(Stored items)
= = = = = = =
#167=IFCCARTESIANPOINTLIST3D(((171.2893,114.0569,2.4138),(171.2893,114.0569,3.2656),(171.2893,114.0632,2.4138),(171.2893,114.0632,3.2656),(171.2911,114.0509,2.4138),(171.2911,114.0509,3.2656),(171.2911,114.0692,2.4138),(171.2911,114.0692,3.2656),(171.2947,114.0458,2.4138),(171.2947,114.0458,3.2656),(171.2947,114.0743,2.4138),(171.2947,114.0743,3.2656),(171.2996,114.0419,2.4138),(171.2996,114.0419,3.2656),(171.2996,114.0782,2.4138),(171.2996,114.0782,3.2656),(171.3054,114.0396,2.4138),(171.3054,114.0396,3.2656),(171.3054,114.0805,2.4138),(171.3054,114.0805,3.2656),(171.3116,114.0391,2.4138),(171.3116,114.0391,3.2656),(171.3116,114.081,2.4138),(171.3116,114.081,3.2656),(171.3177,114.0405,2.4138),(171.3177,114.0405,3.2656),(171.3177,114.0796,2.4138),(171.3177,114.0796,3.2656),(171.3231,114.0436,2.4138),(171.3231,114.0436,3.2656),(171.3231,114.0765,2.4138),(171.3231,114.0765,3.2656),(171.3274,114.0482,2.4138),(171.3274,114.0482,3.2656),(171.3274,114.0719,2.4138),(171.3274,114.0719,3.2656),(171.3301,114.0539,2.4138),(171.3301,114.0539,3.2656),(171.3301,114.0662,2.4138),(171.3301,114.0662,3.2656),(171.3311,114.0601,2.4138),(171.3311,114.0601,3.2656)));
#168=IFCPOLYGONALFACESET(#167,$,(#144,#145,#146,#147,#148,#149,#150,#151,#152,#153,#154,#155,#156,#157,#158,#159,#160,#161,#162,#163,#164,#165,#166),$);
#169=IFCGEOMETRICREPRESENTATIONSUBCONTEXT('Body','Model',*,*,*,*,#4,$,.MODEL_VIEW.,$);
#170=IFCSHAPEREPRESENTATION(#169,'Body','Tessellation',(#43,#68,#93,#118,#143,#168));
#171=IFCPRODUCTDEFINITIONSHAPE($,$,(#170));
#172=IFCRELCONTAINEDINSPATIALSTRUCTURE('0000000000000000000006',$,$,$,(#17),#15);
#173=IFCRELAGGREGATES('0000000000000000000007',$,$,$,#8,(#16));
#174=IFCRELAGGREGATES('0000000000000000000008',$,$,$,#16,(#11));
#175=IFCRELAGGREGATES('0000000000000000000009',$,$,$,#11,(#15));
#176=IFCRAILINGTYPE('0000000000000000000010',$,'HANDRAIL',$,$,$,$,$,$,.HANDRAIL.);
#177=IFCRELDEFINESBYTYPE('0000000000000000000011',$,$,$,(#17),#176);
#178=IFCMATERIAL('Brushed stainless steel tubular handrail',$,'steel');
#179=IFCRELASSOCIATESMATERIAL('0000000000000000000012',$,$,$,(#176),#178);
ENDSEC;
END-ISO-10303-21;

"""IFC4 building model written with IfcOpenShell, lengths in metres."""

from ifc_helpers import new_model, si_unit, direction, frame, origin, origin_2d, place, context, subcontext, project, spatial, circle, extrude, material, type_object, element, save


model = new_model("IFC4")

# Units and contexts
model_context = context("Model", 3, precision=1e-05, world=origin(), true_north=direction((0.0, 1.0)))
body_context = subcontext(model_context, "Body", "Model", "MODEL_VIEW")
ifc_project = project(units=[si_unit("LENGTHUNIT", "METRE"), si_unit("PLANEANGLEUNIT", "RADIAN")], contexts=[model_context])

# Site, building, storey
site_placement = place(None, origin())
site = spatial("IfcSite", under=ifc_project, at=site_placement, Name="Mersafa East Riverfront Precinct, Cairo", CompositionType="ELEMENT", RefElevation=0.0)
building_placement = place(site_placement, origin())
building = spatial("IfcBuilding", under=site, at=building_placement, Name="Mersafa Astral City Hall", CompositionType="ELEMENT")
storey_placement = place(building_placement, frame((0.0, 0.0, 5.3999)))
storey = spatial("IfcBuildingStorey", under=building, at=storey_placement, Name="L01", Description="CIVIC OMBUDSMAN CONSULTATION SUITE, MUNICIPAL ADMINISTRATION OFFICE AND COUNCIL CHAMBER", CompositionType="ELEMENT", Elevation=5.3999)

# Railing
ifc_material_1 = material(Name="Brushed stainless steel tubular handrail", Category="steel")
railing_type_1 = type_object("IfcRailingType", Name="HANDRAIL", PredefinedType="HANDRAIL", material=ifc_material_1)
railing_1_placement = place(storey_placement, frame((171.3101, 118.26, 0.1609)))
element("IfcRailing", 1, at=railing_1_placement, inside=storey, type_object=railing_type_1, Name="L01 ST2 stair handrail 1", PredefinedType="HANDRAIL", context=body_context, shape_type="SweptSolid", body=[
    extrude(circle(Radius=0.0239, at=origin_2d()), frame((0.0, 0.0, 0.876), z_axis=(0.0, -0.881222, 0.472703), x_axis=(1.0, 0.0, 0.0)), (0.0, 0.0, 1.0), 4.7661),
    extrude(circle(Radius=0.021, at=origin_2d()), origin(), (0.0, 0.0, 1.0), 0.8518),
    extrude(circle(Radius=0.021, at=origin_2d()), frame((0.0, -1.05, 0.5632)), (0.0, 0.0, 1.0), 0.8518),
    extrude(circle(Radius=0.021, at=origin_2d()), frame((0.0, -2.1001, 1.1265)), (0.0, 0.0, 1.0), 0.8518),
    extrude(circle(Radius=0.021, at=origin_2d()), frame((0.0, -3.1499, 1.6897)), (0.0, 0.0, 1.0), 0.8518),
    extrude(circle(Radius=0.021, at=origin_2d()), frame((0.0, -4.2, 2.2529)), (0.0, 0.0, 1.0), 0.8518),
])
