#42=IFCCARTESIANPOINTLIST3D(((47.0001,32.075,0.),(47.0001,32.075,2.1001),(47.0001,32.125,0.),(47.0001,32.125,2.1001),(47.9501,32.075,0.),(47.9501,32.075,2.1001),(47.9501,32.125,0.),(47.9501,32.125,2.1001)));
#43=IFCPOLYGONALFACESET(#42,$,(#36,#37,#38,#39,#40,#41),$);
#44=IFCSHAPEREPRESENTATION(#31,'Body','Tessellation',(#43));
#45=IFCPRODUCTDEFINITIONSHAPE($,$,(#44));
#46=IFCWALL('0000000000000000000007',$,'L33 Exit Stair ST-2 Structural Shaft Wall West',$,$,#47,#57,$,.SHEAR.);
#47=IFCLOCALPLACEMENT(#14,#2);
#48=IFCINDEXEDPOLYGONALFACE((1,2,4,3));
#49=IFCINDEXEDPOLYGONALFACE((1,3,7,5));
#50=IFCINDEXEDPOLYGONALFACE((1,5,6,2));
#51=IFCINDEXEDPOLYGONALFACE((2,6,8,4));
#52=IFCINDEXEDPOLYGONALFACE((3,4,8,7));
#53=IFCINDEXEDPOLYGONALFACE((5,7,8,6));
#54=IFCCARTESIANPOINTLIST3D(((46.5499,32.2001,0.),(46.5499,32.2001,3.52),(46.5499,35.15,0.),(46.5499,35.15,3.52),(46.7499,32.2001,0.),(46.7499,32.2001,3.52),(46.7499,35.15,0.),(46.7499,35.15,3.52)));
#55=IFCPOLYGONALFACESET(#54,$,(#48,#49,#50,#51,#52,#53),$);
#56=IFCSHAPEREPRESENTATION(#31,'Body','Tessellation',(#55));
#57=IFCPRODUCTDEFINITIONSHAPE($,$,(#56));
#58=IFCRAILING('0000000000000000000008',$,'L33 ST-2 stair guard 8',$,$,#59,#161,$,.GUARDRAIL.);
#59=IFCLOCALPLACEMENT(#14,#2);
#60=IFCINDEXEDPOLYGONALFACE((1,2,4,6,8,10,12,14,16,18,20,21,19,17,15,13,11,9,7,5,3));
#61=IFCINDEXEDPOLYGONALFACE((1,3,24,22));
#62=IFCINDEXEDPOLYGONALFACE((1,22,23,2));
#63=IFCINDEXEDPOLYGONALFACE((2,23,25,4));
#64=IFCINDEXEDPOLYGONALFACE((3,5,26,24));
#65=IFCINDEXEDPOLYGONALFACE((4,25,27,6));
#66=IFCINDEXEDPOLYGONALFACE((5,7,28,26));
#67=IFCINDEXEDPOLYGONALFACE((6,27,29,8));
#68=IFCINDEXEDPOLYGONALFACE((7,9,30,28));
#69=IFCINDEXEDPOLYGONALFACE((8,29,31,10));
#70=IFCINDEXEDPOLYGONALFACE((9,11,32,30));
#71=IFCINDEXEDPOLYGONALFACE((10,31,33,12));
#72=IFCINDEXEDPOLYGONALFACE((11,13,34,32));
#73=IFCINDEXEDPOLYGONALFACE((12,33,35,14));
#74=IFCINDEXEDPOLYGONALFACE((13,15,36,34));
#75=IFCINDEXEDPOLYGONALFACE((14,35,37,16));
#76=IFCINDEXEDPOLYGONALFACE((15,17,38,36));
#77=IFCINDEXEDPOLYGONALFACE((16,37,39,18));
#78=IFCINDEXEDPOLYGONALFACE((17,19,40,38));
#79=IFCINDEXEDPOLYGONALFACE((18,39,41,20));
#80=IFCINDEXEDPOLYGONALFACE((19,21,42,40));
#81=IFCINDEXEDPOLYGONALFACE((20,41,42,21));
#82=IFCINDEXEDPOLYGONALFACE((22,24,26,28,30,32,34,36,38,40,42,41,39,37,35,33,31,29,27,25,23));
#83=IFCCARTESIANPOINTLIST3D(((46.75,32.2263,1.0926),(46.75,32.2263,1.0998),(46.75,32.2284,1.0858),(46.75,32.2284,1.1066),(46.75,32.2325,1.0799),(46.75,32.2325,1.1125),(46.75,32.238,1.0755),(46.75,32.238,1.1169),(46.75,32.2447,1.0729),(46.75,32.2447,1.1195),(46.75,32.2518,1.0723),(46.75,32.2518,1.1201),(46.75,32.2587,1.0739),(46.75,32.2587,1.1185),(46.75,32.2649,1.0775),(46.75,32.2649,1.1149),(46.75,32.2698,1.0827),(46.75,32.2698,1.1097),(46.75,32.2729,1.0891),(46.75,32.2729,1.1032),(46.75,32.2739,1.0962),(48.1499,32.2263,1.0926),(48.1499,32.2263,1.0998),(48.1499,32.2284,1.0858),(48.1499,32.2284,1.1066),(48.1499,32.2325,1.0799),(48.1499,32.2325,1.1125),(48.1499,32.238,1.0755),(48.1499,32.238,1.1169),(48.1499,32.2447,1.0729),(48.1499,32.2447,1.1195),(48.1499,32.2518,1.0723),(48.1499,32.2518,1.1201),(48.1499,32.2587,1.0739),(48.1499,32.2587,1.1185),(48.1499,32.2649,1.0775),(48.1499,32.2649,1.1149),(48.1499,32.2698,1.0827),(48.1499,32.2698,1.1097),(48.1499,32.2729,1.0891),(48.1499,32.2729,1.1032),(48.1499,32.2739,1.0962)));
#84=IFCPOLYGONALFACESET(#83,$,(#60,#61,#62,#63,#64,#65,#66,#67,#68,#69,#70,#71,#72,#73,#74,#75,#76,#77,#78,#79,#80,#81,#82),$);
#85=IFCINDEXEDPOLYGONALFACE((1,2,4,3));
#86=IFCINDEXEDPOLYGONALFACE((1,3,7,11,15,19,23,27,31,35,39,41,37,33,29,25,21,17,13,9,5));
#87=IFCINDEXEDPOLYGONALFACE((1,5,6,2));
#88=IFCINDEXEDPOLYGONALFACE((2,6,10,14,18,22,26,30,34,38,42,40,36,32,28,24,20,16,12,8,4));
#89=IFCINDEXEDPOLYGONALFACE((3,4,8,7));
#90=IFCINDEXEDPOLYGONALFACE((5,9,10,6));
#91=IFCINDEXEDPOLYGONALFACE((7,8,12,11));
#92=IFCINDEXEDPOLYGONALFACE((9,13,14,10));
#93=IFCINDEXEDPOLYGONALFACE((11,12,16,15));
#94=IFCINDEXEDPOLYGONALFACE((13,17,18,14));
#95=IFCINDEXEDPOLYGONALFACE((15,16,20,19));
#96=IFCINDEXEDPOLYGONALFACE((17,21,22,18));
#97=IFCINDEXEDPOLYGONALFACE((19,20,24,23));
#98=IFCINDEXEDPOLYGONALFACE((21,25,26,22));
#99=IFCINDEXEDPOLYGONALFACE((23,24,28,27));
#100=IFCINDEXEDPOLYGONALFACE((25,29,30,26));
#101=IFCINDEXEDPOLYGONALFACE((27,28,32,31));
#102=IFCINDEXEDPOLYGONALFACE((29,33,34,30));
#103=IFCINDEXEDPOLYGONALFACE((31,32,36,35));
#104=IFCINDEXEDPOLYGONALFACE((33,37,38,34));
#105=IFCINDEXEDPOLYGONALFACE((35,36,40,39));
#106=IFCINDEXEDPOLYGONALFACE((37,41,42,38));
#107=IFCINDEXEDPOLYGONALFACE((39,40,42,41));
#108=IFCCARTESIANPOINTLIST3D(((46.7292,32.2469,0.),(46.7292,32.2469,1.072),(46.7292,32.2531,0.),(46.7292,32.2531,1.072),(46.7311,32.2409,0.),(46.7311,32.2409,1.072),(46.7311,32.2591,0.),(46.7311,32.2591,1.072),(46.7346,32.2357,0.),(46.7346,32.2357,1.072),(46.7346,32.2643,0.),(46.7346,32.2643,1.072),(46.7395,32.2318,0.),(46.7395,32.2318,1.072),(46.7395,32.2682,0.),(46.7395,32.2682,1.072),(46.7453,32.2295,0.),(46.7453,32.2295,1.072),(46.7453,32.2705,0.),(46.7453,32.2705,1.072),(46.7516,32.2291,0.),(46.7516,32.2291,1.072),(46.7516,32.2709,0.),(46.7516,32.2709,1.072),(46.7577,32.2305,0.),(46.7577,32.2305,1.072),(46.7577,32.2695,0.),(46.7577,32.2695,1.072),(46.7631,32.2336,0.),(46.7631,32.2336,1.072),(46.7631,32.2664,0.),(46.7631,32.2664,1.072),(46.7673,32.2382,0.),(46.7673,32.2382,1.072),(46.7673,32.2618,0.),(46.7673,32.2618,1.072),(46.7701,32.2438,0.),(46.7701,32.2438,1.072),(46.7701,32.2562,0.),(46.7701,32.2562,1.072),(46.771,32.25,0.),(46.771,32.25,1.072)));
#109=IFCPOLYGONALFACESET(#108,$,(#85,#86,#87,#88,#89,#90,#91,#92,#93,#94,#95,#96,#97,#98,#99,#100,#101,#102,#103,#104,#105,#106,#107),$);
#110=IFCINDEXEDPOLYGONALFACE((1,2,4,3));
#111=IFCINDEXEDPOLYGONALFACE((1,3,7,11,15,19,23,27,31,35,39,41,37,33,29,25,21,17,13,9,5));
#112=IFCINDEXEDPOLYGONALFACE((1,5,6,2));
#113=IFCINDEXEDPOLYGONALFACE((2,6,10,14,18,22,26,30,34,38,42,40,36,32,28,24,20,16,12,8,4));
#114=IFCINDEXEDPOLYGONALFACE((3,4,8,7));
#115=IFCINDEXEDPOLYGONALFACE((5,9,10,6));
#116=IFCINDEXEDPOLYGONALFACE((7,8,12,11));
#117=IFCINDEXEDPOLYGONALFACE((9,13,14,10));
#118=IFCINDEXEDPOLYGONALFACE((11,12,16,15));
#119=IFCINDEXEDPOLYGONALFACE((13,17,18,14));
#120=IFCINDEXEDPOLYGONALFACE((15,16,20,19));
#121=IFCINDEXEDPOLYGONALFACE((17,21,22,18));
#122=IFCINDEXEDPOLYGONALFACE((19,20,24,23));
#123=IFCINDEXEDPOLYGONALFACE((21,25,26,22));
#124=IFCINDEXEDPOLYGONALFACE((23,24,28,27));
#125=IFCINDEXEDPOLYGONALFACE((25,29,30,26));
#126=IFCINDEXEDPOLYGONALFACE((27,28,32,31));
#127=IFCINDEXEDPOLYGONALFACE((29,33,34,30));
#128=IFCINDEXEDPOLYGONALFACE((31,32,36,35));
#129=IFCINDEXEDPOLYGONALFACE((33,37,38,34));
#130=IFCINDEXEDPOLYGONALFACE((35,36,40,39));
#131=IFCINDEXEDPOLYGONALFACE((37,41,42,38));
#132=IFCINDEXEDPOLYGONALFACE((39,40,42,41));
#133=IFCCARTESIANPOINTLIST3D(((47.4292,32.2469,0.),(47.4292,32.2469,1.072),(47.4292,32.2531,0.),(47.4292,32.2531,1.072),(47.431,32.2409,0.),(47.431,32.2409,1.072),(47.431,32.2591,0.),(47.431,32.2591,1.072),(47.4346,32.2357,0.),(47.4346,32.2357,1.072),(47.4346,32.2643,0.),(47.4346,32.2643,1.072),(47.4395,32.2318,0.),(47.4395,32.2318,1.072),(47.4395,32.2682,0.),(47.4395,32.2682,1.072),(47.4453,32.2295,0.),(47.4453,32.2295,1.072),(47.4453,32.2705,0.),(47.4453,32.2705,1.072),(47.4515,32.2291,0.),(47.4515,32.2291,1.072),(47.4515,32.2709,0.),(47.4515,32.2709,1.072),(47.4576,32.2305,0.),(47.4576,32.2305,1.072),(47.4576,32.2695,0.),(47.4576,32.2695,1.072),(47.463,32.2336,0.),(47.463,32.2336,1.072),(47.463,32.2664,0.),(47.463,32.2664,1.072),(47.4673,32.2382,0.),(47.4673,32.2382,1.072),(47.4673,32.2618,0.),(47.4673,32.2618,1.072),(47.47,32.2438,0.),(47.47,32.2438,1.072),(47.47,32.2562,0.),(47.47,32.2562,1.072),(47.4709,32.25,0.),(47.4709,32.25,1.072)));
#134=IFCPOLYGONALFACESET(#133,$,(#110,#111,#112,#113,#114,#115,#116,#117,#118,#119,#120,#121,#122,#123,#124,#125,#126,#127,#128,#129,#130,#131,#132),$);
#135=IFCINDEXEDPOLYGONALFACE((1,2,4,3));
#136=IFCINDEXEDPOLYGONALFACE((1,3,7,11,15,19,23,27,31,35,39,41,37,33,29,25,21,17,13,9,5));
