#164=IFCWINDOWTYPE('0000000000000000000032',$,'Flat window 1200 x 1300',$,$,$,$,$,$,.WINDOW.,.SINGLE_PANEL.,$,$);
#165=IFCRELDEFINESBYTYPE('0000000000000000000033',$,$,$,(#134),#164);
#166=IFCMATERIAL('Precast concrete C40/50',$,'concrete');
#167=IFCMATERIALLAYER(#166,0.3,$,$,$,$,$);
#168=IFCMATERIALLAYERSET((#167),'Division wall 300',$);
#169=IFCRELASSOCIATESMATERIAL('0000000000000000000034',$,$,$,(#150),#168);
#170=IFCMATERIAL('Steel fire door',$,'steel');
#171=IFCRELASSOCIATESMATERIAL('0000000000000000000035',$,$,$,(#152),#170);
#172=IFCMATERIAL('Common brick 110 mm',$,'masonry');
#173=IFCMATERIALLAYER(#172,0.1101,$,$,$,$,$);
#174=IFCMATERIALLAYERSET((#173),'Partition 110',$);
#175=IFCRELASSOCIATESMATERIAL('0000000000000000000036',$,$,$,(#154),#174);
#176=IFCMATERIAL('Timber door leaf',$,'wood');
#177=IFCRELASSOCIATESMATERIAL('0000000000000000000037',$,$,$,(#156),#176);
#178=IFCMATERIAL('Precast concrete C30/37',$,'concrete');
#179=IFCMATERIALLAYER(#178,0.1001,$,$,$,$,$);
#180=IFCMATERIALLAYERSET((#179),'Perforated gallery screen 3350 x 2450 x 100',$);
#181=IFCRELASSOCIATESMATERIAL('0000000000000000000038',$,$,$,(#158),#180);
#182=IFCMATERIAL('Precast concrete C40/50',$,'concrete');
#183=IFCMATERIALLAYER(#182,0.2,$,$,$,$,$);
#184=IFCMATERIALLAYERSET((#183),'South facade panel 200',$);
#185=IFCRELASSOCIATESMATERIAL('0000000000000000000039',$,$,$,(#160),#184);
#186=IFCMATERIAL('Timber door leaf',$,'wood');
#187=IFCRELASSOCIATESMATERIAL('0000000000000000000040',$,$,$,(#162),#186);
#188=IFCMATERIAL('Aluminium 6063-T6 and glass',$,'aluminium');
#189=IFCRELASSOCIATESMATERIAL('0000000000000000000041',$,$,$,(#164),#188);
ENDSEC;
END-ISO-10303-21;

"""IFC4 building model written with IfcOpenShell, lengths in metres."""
= = = = = = =
▸ How to complete this task: Your reply should hold every line from the data that contains "concrete", copied in full.

▸ Answer for the task:
#166=IFCMATERIAL('Precast concrete C40/50',$,'concrete');
#178=IFCMATERIAL('Precast concrete C30/37',$,'concrete');
#182=IFCMATERIAL('Precast concrete C40/50',$,'concrete');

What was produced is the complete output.